- [What you will do]: Repeat the records given below in full, with no changes.
++++ Data provided ++++
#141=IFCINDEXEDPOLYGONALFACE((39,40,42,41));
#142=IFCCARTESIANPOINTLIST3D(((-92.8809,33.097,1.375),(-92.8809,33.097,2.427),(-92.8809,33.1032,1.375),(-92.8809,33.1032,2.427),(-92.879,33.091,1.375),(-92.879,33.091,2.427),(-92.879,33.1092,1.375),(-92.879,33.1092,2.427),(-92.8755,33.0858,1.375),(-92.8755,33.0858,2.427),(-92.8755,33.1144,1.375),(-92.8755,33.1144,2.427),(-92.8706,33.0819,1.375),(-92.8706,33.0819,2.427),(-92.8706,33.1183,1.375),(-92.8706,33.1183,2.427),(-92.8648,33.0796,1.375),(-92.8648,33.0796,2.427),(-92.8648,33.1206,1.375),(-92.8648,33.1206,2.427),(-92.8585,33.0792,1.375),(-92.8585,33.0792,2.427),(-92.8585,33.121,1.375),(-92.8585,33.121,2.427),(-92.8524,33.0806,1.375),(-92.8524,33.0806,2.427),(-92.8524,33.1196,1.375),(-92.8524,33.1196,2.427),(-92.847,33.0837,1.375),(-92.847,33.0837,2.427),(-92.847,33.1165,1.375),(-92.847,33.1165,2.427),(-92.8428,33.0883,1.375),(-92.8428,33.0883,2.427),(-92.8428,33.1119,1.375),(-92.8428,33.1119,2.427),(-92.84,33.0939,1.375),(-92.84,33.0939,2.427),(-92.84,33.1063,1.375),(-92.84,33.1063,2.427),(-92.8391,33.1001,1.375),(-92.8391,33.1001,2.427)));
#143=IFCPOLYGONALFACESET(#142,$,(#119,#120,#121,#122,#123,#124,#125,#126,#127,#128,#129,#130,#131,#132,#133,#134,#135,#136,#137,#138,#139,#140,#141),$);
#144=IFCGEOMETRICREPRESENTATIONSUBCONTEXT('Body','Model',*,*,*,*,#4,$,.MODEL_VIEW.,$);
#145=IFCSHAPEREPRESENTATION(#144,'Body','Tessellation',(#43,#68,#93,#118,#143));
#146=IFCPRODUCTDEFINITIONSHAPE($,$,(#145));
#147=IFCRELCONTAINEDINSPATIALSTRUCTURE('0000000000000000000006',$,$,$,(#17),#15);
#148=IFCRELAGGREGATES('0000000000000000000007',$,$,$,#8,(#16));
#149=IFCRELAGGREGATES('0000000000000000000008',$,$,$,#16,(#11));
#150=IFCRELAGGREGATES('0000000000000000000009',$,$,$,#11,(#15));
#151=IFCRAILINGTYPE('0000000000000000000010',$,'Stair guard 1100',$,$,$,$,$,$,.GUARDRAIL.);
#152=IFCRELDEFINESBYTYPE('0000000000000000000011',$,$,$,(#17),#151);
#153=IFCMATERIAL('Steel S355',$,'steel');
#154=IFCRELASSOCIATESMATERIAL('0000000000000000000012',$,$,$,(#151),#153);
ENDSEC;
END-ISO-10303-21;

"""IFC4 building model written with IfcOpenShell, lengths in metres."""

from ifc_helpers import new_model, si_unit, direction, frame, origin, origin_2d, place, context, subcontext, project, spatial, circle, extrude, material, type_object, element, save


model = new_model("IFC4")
++++
- [Exercise result]:
#141=IFCINDEXEDPOLYGONALFACE((39,40,42,41));
#142=IFCCARTESIANPOINTLIST3D(((-92.8809,33.097,1.375),(-92.8809,33.097,2.427),(-92.8809,33.1032,1.375),(-92.8809,33.1032,2.427),(-92.879,33.091,1.375),(-92.879,33.091,2.427),(-92.879,33.1092,1.375),(-92.879,33.1092,2.427),(-92.8755,33.0858,1.375),(-92.8755,33.0858,2.427),(-92.8755,33.1144,1.375),(-92.8755,33.1144,2.427),(-92.8706,33.0819,1.375),(-92.8706,33.0819,2.427),(-92.8706,33.1183,1.375),(-92.8706,33.1183,2.427),(-92.8648,33.0796,1.375),(-92.8648,33.0796,2.427),(-92.8648,33.1206,1.375),(-92.8648,33.1206,2.427),(-92.8585,33.0792,1.375),(-92.8585,33.0792,2.427),(-92.8585,33.121,1.375),(-92.8585,33.121,2.427),(-92.8524,33.0806,1.375),(-92.8524,33.0806,2.427),(-92.8524,33.1196,1.375),(-92.8524,33.1196,2.427),(-92.847,33.0837,1.375),(-92.847,33.0837,2.427),(-92.847,33.1165,1.375),(-92.847,33.1165,2.427),(-92.8428,33.0883,1.375),(-92.8428,33.0883,2.427),(-92.8428,33.1119,1.375),(-92.8428,33.1119,2.427),(-92.84,33.0939,1.375),(-92.84,33.0939,2.427),(-92.84,33.1063,1.375),(-92.84,33.1063,2.427),(-92.8391,33.1001,1.375),(-92.8391,33.1001,2.427)));
#143=IFCPOLYGONALFACESET(#142,$,(#119,#120,#121,#122,#123,#124,#125,#126,#127,#128,#129,#130,#131,#132,#133,#134,#135,#136,#137,#138,#139,#140,#141),$);
#144=IFCGEOMETRICREPRESENTATIONSUBCONTEXT('Body','Model',*,*,*,*,#4,$,.MODEL_VIEW.,$);
#145=IFCSHAPEREPRESENTATION(#144,'Body','Tessellation',(#43,#68,#93,#118,#143));
#146=IFCPRODUCTDEFINITIONSHAPE($,$,(#145));
#147=IFCRELCONTAINEDINSPATIALSTRUCTURE('0000000000000000000006',$,$,$,(#17),#15);
#148=IFCRELAGGREGATES('0000000000000000000007',$,$,$,#8,(#16));
#149=IFCRELAGGREGATES('0000000000000000000008',$,$,$,#16,(#11));
#150=IFCRELAGGREGATES('0000000000000000000009',$,$,$,#11,(#15));
#151=IFCRAILINGTYPE('0000000000000000000010',$,'Stair guard 1100',$,$,$,$,$,$,.GUARDRAIL.);
#152=IFCRELDEFINESBYTYPE('0000000000000000000011',$,$,$,(#17),#151);
#153=IFCMATERIAL('Steel S355',$,'steel');
#154=IFCRELASSOCIATESMATERIAL('0000000000000000000012',$,$,$,(#151),#153);
ENDSEC;
END-ISO-10303-21;

"""IFC4 building model written with IfcOpenShell, lengths in metres."""

from ifc_helpers import new_model, si_unit, direction, frame, origin, origin_2d, place, context, subcontext, project, spatial, circle, extrude, material, type_object, element, save


model = new_model("IFC4")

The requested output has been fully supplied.